##### PROVIDED INFORMATION

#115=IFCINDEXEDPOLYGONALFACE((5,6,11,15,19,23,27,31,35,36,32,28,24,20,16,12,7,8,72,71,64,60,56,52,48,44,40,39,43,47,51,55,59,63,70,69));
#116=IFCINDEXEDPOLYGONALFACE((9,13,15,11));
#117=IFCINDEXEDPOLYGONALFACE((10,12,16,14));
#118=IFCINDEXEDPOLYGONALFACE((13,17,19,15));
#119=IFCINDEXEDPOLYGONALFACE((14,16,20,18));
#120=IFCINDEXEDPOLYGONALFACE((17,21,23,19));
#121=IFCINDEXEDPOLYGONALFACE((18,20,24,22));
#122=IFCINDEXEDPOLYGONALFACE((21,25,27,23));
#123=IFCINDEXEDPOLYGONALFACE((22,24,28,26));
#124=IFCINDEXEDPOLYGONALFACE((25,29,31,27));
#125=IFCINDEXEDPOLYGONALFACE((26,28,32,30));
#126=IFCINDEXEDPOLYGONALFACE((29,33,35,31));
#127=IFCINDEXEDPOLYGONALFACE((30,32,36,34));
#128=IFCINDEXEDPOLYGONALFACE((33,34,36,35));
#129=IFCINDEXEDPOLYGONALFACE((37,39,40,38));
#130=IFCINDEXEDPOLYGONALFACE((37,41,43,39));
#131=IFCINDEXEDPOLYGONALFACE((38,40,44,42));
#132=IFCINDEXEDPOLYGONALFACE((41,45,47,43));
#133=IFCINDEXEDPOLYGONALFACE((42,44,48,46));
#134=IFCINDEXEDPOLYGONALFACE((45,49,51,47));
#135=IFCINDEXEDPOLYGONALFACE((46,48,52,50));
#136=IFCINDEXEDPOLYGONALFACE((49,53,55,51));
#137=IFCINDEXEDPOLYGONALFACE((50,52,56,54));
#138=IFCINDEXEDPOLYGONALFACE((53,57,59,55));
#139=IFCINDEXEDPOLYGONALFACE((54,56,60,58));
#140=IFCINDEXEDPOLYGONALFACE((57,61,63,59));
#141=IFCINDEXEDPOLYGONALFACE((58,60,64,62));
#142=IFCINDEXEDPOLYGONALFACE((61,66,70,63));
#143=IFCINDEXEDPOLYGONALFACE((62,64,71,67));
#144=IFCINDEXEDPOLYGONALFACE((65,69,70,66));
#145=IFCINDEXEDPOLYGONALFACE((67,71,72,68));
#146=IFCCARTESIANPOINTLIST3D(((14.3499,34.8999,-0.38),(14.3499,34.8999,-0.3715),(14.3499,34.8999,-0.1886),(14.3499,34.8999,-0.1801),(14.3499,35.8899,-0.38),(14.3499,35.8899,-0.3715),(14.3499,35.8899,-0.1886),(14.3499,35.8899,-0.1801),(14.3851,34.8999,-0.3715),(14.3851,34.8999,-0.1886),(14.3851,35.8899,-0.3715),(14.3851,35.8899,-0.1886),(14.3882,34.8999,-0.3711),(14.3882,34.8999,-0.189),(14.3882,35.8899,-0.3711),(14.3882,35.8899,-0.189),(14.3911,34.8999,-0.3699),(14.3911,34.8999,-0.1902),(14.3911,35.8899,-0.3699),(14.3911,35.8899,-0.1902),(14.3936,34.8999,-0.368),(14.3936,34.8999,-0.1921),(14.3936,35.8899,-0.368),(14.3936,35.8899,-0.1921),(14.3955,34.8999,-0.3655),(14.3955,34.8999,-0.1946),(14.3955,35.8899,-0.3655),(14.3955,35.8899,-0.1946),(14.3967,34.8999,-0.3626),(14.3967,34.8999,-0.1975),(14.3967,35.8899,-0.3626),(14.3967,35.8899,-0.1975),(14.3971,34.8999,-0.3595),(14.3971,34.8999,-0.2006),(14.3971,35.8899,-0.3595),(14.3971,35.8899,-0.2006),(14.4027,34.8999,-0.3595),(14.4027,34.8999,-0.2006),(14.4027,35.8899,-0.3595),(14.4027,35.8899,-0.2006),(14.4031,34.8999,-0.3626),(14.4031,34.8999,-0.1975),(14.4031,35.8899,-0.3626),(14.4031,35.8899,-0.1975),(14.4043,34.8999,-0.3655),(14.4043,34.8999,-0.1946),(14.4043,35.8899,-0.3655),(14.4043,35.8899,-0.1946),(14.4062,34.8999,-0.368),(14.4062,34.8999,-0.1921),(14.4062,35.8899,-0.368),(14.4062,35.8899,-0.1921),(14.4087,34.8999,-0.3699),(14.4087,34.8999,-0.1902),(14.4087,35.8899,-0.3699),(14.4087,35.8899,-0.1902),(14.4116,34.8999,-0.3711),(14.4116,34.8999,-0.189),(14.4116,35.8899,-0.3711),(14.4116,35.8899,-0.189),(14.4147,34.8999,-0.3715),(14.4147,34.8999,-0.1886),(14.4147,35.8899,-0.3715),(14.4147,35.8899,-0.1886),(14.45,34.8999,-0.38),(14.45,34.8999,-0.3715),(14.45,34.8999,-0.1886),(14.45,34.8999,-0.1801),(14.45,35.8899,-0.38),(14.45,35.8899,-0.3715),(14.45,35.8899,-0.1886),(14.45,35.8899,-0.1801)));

##########
##### PROVIDED INFORMATION

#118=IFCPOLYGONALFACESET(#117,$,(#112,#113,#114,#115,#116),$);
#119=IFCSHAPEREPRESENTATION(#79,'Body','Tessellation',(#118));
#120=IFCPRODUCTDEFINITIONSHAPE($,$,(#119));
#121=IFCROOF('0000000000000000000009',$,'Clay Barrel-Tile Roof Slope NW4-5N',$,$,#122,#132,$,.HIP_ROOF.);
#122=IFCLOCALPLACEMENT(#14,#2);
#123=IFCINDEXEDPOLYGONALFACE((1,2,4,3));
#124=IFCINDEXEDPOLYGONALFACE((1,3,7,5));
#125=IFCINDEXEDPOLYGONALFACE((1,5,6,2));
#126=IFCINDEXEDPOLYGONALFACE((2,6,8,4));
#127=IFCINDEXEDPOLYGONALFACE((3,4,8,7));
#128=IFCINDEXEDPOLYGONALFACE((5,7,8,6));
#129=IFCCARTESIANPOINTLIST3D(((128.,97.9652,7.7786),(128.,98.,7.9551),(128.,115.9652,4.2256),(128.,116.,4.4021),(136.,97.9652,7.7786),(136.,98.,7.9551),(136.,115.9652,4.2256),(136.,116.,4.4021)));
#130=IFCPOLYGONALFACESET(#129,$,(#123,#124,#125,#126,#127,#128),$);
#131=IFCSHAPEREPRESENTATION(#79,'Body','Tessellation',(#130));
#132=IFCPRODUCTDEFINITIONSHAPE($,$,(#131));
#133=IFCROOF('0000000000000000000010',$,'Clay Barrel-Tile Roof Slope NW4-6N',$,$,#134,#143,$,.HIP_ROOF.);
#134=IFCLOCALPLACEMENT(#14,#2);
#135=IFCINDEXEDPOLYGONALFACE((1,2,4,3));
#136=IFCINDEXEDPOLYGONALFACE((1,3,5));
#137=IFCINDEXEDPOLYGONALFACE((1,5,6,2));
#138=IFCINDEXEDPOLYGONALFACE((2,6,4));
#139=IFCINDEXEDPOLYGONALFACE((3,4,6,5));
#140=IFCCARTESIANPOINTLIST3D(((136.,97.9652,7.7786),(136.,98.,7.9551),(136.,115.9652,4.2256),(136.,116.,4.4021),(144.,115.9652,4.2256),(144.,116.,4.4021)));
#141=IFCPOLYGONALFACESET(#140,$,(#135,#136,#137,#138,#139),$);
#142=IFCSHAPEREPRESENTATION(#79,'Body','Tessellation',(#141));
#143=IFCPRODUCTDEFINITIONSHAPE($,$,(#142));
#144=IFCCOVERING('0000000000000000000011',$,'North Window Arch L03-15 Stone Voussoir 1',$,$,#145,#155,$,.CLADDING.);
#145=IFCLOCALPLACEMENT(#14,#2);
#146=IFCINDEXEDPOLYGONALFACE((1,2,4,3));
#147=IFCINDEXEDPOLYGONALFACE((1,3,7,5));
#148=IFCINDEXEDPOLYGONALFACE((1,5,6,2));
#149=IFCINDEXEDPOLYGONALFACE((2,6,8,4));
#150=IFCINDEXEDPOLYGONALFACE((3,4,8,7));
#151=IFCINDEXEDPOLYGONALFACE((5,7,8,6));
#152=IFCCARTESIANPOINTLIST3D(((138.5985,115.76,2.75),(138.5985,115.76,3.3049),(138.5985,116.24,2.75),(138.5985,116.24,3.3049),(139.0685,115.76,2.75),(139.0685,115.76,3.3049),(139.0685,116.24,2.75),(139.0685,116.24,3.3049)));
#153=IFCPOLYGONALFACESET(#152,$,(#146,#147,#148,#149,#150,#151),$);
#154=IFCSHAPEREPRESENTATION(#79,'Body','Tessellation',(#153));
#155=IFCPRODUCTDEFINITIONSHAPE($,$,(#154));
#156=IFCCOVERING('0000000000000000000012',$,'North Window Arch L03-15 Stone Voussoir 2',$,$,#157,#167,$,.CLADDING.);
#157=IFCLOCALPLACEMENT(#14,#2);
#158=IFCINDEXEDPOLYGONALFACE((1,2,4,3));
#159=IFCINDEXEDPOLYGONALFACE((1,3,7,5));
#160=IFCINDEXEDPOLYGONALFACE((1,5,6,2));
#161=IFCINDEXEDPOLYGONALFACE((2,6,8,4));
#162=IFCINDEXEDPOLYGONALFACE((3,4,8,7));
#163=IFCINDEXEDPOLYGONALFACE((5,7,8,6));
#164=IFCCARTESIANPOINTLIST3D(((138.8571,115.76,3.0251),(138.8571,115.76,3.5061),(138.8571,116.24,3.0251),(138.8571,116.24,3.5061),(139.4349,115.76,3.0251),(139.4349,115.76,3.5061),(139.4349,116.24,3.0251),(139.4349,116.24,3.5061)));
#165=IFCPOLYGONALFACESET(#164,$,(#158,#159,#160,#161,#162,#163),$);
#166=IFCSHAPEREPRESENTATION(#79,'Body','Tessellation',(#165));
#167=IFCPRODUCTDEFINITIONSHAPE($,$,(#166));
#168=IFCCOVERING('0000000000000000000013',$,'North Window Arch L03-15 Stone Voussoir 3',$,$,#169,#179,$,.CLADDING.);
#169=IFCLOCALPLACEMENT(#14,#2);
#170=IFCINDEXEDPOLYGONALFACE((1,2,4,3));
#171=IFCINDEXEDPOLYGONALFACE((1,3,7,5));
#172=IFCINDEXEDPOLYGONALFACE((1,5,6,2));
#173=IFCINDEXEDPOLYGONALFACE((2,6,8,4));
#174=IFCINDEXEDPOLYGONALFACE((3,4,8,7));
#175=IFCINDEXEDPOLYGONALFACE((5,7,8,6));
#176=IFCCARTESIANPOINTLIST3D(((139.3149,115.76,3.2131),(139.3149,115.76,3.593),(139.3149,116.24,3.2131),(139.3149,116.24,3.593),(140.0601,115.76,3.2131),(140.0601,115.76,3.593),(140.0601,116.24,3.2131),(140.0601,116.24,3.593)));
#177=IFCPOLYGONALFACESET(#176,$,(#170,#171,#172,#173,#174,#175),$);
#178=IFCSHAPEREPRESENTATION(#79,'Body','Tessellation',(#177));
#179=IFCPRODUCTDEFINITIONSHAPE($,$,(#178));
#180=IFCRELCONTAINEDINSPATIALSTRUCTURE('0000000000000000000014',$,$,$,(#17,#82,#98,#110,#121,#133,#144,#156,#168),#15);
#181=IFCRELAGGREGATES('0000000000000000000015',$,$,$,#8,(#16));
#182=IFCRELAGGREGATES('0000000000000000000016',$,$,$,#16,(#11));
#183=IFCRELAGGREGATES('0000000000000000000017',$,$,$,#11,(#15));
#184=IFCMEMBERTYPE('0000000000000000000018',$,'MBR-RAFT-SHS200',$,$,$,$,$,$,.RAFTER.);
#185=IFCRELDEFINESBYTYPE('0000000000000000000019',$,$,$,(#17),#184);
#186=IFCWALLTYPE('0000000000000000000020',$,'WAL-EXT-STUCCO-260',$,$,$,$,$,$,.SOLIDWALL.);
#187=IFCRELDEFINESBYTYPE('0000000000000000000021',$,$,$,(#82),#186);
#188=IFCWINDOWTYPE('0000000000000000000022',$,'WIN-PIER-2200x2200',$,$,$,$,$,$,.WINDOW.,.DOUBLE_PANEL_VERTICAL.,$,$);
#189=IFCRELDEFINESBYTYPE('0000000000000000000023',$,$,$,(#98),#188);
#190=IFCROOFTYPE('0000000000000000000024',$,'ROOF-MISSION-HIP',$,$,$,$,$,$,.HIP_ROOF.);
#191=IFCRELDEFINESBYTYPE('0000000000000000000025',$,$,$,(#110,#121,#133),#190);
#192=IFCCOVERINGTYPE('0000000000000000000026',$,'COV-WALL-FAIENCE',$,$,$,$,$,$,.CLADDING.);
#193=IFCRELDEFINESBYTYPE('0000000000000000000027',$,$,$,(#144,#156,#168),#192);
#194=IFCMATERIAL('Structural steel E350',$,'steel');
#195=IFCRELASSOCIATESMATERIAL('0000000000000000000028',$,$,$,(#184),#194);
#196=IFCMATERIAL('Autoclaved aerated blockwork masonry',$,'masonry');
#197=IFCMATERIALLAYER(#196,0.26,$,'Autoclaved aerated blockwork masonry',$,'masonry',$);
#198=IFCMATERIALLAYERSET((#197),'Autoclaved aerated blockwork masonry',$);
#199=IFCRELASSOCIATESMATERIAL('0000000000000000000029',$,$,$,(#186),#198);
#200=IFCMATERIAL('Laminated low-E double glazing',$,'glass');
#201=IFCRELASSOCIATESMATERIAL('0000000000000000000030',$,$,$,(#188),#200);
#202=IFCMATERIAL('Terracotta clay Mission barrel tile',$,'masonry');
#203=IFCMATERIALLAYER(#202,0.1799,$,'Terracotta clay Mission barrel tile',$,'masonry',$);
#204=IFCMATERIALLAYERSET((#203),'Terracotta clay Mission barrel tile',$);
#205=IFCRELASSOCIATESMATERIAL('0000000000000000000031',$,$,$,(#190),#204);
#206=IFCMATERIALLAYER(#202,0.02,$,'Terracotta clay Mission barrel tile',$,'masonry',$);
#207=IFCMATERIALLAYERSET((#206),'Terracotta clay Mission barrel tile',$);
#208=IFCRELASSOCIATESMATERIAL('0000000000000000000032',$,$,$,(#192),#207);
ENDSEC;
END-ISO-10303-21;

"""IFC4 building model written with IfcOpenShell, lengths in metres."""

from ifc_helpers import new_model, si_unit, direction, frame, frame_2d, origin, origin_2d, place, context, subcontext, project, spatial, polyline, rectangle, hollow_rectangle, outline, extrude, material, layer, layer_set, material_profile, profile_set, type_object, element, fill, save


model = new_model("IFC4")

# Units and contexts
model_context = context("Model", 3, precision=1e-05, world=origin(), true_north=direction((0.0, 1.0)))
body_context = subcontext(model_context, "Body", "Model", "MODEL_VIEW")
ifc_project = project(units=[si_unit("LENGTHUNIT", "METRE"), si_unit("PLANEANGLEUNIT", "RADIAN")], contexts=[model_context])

##########

AIM OF THE EXERCISE
Wherever the word "IFCMATERIALLAYERSET" appears in a line of the data above, copy that line.

RESULT BELOW
#198=IFCMATERIALLAYERSET((#197),'Autoclaved aerated blockwork masonry',$);
#204=IFCMATERIALLAYERSET((#203),'Terracotta clay Mission barrel tile',$);
#207=IFCMATERIALLAYERSET((#206),'Terracotta clay Mission barrel tile',$);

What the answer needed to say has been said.